## [Description of the task]
Set down exactly the lines of the records from the top to the line containing "#91=IFCINDEXEDPOLYGONALFACE((39,40,42,41));"; include both.

□ □ □ □ □

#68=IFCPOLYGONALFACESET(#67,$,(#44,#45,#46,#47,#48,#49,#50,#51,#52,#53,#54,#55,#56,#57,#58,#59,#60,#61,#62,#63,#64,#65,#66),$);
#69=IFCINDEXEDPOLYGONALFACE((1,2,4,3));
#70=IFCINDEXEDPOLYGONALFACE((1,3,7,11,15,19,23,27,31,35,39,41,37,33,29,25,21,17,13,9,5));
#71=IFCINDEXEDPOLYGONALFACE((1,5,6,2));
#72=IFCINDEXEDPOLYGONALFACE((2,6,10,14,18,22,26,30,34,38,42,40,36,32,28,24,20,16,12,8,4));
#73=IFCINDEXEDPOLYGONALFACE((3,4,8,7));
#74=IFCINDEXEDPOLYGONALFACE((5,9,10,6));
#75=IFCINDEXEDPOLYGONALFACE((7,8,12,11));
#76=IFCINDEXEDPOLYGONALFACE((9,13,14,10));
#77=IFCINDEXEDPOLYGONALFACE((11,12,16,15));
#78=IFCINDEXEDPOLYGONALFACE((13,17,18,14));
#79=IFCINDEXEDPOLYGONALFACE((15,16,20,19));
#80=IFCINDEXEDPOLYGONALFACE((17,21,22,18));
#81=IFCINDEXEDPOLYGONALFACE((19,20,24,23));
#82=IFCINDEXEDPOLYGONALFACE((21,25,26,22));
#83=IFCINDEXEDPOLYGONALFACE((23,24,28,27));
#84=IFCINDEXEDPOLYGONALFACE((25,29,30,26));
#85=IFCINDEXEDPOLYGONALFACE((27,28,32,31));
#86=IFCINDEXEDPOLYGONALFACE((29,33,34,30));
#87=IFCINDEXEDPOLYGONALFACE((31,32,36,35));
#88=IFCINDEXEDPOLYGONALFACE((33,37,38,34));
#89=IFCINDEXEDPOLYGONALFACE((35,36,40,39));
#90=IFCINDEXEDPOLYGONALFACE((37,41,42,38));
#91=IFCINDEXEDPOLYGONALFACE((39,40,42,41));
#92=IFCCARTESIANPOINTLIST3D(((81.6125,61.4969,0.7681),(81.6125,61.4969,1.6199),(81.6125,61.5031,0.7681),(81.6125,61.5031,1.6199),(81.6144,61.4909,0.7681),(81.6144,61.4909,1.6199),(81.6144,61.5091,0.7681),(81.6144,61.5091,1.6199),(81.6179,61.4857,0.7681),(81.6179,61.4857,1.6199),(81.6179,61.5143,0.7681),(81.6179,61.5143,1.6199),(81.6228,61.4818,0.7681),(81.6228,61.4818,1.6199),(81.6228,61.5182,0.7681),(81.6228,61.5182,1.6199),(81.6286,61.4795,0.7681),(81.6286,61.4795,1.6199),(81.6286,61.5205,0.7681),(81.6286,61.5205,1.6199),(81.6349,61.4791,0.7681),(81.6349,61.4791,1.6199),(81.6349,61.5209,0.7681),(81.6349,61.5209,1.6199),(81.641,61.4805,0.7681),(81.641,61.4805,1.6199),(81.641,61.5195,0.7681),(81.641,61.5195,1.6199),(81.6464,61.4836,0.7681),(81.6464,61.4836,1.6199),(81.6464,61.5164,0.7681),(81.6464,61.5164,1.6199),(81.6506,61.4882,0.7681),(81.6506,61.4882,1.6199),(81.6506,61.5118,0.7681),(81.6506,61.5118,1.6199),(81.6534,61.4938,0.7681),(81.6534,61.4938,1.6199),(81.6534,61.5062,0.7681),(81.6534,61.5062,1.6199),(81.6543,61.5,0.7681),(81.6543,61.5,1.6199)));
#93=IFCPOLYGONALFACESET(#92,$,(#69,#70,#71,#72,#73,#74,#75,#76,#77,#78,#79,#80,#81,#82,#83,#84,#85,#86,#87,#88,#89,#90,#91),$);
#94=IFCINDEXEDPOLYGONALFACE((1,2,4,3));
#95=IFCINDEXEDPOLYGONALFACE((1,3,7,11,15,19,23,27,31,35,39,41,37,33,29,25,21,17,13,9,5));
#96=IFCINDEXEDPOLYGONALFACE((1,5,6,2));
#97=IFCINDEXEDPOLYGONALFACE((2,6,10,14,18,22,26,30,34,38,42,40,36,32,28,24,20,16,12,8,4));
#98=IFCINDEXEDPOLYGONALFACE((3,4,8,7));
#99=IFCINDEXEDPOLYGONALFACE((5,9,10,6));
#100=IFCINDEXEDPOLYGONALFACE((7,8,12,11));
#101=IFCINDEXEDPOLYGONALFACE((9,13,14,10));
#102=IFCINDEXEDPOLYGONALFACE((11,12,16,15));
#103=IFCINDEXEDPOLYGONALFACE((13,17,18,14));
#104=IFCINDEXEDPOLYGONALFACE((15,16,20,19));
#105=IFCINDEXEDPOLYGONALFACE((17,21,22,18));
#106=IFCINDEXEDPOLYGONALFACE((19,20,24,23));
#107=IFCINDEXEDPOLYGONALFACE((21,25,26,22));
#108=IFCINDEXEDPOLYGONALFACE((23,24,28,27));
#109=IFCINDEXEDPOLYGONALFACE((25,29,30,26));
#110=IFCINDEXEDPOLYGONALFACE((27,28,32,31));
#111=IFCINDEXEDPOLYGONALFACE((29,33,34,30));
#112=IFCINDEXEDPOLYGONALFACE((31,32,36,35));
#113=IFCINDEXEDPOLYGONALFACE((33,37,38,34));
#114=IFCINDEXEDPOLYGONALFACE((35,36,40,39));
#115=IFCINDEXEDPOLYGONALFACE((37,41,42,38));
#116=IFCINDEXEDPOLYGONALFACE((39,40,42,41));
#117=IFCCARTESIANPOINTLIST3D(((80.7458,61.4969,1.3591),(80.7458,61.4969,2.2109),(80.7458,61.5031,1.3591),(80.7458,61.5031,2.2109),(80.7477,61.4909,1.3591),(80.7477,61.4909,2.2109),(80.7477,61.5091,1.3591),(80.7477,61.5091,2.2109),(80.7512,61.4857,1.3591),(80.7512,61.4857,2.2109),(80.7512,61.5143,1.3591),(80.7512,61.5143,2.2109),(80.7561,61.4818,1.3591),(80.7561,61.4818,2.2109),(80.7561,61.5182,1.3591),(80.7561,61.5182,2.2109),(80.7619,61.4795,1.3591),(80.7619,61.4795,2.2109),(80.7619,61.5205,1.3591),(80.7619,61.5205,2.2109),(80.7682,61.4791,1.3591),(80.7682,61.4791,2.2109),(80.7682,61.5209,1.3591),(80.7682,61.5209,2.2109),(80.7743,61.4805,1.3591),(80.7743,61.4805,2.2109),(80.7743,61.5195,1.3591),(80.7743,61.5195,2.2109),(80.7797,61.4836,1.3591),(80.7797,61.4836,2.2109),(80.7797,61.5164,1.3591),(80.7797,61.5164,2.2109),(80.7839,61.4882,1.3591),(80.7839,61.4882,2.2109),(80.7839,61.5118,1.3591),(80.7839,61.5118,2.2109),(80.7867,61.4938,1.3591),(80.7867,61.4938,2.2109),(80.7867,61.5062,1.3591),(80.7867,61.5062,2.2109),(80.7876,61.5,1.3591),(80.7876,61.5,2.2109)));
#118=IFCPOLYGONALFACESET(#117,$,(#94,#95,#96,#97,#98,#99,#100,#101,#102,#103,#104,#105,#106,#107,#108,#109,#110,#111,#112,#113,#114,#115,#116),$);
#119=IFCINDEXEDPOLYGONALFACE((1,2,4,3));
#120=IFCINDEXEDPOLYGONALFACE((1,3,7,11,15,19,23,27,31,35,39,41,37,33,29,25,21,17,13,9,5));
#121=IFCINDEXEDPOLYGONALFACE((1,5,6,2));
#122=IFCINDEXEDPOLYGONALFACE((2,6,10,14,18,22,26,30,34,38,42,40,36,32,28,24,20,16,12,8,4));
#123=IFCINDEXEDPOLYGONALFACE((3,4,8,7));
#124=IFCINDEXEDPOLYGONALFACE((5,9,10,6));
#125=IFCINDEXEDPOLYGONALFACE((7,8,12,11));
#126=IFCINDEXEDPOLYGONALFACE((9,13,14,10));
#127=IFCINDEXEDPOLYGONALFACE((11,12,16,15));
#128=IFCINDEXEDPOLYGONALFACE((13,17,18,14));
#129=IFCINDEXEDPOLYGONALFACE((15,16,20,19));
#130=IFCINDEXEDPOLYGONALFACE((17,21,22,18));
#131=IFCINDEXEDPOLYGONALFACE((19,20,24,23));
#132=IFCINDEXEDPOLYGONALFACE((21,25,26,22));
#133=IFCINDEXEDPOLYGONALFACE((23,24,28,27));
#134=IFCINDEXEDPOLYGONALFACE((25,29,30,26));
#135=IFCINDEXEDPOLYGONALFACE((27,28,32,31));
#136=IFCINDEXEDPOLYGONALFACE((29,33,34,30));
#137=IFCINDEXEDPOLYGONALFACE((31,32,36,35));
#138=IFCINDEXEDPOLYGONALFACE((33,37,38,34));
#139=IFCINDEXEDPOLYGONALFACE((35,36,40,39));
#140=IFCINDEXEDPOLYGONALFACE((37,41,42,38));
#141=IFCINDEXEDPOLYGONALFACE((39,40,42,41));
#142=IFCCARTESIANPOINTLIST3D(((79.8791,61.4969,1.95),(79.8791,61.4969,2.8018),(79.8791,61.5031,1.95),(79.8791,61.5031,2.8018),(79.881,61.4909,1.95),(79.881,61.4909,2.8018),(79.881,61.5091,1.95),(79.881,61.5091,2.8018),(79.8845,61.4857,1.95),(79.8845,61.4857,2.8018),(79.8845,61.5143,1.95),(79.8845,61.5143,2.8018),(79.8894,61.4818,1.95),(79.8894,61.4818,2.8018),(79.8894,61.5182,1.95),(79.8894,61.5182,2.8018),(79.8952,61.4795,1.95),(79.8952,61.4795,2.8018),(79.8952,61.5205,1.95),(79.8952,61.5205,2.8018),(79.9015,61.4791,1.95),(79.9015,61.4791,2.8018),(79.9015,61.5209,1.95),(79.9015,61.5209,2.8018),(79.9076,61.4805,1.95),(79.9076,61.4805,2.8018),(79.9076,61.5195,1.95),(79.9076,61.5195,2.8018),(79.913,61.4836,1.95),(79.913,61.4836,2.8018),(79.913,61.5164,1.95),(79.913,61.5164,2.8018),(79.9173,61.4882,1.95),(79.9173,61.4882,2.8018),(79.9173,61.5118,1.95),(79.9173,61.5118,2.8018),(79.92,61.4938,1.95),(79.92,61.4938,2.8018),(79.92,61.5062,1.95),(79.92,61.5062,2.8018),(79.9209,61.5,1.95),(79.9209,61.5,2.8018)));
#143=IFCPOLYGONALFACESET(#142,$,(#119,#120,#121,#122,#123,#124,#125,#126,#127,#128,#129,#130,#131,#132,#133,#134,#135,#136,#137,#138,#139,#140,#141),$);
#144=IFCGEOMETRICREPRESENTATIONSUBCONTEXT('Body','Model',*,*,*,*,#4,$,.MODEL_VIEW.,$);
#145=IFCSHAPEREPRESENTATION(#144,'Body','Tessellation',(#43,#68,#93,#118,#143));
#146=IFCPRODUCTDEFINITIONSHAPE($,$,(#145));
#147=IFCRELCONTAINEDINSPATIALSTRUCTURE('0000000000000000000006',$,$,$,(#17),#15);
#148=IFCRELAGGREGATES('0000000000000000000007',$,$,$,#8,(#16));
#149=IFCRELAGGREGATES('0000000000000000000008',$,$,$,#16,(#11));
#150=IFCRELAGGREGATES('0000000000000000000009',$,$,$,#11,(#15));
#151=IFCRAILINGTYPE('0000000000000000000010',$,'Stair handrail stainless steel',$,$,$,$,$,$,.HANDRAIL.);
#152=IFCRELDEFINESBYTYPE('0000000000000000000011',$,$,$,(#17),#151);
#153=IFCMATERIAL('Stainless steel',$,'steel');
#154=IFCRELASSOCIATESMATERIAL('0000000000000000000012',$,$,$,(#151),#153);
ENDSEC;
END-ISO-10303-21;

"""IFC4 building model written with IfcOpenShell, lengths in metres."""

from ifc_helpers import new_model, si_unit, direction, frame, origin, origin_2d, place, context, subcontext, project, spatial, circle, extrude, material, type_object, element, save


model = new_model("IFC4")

□ □ □ □ □

## [Exercise response]
#68=IFCPOLYGONALFACESET(#67,$,(#44,#45,#46,#47,#48,#49,#50,#51,#52,#53,#54,#55,#56,#57,#58,#59,#60,#61,#62,#63,#64,#65,#66),$);
#69=IFCINDEXEDPOLYGONALFACE((1,2,4,3));
#70=IFCINDEXEDPOLYGONALFACE((1,3,7,11,15,19,23,27,31,35,39,41,37,33,29,25,21,17,13,9,5));
#71=IFCINDEXEDPOLYGONALFACE((1,5,6,2));
#72=IFCINDEXEDPOLYGONALFACE((2,6,10,14,18,22,26,30,34,38,42,40,36,32,28,24,20,16,12,8,4));
#73=IFCINDEXEDPOLYGONALFACE((3,4,8,7));
#74=IFCINDEXEDPOLYGONALFACE((5,9,10,6));
#75=IFCINDEXEDPOLYGONALFACE((7,8,12,11));
#76=IFCINDEXEDPOLYGONALFACE((9,13,14,10));
#77=IFCINDEXEDPOLYGONALFACE((11,12,16,15));
#78=IFCINDEXEDPOLYGONALFACE((13,17,18,14));
#79=IFCINDEXEDPOLYGONALFACE((15,16,20,19));
#80=IFCINDEXEDPOLYGONALFACE((17,21,22,18));
#81=IFCINDEXEDPOLYGONALFACE((19,20,24,23));
#82=IFCINDEXEDPOLYGONALFACE((21,25,26,22));
#83=IFCINDEXEDPOLYGONALFACE((23,24,28,27));
#84=IFCINDEXEDPOLYGONALFACE((25,29,30,26));
#85=IFCINDEXEDPOLYGONALFACE((27,28,32,31));
#86=IFCINDEXEDPOLYGONALFACE((29,33,34,30));
#87=IFCINDEXEDPOLYGONALFACE((31,32,36,35));
#88=IFCINDEXEDPOLYGONALFACE((33,37,38,34));
#89=IFCINDEXEDPOLYGONALFACE((35,36,40,39));
#90=IFCINDEXEDPOLYGONALFACE((37,41,42,38));
#91=IFCINDEXEDPOLYGONALFACE((39,40,42,41));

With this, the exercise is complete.